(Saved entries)
______
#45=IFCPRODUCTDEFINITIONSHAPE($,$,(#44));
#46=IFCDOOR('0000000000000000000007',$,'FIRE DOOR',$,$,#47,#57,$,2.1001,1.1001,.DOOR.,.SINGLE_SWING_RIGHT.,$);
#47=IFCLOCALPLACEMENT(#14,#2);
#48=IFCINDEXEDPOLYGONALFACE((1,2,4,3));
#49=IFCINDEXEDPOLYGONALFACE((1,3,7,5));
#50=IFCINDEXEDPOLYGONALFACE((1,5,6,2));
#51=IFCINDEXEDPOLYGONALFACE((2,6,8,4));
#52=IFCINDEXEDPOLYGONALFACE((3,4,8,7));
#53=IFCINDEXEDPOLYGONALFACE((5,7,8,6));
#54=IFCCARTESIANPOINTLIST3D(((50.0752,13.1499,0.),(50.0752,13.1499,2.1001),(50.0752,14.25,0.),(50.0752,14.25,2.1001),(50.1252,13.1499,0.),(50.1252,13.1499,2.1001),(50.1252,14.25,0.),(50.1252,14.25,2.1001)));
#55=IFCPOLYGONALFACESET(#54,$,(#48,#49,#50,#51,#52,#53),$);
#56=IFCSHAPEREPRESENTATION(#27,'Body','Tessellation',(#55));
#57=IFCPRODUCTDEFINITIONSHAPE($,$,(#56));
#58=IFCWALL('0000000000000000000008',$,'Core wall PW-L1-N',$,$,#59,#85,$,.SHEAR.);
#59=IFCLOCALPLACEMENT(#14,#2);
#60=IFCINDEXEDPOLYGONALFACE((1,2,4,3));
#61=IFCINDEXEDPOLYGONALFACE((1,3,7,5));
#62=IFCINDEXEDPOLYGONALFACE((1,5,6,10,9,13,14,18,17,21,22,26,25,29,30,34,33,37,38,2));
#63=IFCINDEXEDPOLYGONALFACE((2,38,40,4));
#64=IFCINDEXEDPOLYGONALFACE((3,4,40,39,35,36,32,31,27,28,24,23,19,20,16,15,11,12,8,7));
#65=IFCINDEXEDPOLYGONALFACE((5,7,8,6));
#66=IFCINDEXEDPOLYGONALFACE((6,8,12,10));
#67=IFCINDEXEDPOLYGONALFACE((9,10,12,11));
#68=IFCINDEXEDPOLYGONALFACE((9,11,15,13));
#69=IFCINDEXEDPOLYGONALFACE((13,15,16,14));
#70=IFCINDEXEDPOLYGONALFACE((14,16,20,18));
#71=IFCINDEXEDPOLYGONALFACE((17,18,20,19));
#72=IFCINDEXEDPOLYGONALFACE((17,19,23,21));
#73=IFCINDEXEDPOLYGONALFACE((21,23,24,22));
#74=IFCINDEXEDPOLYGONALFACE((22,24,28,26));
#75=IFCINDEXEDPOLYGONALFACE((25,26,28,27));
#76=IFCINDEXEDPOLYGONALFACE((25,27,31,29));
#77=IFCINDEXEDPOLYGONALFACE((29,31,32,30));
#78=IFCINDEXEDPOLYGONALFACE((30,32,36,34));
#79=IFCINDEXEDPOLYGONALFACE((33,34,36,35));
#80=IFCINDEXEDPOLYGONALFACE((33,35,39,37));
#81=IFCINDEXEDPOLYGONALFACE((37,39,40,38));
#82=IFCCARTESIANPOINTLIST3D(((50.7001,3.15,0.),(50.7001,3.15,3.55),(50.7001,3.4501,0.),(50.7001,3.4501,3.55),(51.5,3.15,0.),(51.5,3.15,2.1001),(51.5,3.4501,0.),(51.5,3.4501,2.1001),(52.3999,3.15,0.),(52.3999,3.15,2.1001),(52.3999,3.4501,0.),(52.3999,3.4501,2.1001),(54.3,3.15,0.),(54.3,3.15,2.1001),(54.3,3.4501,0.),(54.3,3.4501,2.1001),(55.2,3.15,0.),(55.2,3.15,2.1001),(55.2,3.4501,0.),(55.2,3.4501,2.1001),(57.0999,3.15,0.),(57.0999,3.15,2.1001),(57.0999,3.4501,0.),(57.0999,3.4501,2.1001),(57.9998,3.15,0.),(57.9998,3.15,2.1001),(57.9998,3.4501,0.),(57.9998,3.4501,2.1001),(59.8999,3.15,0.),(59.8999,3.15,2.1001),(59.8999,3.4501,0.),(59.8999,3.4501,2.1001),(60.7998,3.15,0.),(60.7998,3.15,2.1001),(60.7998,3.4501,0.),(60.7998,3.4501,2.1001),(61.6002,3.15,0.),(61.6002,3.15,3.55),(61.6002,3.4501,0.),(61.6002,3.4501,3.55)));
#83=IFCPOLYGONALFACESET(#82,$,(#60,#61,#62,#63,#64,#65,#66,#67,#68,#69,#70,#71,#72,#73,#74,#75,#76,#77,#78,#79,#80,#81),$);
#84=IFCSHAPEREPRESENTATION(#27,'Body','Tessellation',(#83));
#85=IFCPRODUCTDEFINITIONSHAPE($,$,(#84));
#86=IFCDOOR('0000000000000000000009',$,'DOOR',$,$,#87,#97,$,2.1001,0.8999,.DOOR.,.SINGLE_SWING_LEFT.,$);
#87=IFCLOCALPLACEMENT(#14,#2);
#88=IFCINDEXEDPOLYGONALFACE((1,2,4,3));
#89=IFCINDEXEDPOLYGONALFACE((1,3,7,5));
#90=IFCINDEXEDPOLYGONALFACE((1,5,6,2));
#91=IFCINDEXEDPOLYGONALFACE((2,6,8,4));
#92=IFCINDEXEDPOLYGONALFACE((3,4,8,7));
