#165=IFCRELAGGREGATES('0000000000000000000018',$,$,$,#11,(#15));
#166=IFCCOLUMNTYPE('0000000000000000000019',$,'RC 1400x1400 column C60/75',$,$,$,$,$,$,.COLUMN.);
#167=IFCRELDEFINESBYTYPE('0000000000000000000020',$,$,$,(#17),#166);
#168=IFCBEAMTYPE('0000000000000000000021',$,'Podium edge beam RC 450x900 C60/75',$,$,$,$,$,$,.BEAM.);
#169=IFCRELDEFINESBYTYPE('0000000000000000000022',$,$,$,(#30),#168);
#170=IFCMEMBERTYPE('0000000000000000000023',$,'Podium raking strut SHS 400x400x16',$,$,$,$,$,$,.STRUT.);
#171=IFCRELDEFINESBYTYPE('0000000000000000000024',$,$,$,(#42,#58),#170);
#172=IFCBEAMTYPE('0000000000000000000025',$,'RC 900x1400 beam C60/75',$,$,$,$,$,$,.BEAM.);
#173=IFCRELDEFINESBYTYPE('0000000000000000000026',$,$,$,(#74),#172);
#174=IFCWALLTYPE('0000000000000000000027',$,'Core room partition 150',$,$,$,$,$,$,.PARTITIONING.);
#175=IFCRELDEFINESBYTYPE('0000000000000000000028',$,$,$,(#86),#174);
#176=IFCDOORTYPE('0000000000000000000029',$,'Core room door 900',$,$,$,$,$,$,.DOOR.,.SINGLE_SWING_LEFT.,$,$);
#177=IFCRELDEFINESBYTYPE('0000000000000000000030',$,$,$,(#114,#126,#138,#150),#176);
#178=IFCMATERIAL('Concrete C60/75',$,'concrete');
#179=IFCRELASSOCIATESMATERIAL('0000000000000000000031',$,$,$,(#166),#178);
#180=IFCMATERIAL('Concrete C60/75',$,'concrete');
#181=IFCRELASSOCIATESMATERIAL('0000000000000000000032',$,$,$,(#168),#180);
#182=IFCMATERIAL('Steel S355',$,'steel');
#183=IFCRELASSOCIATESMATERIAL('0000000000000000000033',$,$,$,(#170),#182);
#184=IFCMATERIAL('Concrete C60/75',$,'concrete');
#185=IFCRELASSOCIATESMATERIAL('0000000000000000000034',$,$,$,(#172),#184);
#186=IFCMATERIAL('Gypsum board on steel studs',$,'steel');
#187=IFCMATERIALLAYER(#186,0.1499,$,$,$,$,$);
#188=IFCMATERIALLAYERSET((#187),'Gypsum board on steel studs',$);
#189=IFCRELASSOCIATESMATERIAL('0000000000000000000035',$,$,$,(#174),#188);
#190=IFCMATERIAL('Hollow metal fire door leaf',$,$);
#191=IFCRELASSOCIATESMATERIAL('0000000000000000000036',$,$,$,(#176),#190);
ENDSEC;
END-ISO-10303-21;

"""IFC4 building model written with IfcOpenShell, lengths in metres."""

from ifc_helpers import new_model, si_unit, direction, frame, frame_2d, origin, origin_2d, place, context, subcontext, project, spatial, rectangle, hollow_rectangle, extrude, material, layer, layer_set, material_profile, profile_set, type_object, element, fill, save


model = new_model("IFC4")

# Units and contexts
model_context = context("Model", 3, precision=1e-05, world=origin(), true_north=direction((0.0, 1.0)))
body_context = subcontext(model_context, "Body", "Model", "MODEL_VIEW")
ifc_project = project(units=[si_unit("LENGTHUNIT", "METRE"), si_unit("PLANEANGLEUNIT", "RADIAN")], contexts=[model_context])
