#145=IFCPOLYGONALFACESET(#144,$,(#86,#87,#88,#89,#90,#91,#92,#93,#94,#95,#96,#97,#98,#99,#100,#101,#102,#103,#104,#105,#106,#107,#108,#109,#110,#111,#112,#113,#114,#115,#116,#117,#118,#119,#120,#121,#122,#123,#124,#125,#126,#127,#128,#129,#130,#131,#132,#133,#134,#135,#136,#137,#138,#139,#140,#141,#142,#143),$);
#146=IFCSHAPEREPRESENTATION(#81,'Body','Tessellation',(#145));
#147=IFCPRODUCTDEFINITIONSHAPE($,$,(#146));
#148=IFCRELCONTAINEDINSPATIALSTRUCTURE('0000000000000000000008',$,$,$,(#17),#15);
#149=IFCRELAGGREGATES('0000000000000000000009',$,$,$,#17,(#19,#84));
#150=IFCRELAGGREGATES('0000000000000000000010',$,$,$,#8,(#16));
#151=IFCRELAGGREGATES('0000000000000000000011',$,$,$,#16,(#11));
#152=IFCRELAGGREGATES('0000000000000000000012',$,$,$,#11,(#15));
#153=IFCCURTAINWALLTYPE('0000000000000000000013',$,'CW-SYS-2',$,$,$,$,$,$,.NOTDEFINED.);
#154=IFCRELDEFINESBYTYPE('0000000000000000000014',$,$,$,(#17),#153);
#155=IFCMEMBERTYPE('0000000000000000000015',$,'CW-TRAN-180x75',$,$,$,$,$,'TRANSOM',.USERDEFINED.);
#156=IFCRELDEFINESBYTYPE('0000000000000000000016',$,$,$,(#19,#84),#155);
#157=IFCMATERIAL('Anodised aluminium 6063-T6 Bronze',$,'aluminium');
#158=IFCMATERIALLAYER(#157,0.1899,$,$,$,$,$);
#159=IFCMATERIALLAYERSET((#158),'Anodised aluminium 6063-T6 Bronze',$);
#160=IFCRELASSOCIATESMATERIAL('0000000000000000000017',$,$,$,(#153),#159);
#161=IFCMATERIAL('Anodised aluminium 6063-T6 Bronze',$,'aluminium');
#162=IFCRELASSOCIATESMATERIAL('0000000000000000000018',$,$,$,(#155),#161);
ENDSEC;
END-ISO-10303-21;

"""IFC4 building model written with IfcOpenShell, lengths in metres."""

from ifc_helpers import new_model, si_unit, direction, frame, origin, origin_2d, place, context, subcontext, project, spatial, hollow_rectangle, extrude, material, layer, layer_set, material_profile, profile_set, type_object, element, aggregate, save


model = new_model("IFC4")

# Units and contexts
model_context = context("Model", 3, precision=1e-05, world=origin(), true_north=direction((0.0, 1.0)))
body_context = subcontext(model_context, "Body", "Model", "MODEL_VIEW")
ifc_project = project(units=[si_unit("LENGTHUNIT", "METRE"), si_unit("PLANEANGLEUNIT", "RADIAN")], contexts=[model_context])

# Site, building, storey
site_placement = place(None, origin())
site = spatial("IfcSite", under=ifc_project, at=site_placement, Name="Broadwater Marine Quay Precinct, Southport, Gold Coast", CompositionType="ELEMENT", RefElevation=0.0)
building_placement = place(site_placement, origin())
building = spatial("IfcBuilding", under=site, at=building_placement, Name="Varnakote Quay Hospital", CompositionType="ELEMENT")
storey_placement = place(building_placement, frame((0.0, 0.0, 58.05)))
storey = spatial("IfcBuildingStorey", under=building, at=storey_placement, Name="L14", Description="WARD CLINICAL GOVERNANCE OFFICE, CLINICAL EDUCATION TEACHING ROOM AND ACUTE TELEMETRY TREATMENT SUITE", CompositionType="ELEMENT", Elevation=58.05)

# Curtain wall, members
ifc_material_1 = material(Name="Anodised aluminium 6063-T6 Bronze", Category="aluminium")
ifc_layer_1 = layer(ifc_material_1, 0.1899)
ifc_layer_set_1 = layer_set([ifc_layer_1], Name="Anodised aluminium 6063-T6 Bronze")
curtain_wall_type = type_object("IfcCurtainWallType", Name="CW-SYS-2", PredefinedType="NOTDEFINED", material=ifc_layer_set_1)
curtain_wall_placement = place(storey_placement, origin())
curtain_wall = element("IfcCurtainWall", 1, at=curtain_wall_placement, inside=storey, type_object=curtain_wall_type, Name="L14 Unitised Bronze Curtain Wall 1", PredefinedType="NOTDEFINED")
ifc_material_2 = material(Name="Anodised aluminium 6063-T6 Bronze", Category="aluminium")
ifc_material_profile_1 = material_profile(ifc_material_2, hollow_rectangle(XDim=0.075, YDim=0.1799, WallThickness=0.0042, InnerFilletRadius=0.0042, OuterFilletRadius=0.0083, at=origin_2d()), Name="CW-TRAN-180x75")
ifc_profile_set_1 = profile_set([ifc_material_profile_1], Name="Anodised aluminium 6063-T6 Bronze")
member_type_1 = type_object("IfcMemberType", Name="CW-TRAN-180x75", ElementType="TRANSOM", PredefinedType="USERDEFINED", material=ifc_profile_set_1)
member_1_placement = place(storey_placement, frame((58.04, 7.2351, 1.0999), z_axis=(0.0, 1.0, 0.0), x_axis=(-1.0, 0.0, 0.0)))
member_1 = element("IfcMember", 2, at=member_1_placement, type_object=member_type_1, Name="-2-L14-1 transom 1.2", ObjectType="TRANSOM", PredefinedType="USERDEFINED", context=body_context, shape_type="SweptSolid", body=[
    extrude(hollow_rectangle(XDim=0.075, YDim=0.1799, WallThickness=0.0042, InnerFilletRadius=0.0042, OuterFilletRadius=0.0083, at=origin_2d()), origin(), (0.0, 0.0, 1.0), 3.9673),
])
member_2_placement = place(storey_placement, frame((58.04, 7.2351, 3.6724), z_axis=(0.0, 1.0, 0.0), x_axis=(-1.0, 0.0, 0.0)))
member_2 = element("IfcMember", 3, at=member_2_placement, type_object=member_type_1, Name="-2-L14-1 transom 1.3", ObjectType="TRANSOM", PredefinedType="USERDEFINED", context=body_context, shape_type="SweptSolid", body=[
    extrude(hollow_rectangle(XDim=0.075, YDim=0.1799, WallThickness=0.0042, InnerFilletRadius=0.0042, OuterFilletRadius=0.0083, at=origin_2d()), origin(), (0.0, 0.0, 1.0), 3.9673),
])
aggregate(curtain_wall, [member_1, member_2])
______
* DIRECTIONS: Return all lines from the data above with "IFCRELAGGREGATES" in them.

* EXERCISE RESPONSE:
#165=IFCRELAGGREGATES('0000000000000000000018',$,$,$,#11,(#15));
#149=IFCRELAGGREGATES('0000000000000000000009',$,$,$,#17,(#19,#84));
#150=IFCRELAGGREGATES('0000000000000000000010',$,$,$,#8,(#16));
#151=IFCRELAGGREGATES('0000000000000000000011',$,$,$,#16,(#11));
#152=IFCRELAGGREGATES('0000000000000000000012',$,$,$,#11,(#15));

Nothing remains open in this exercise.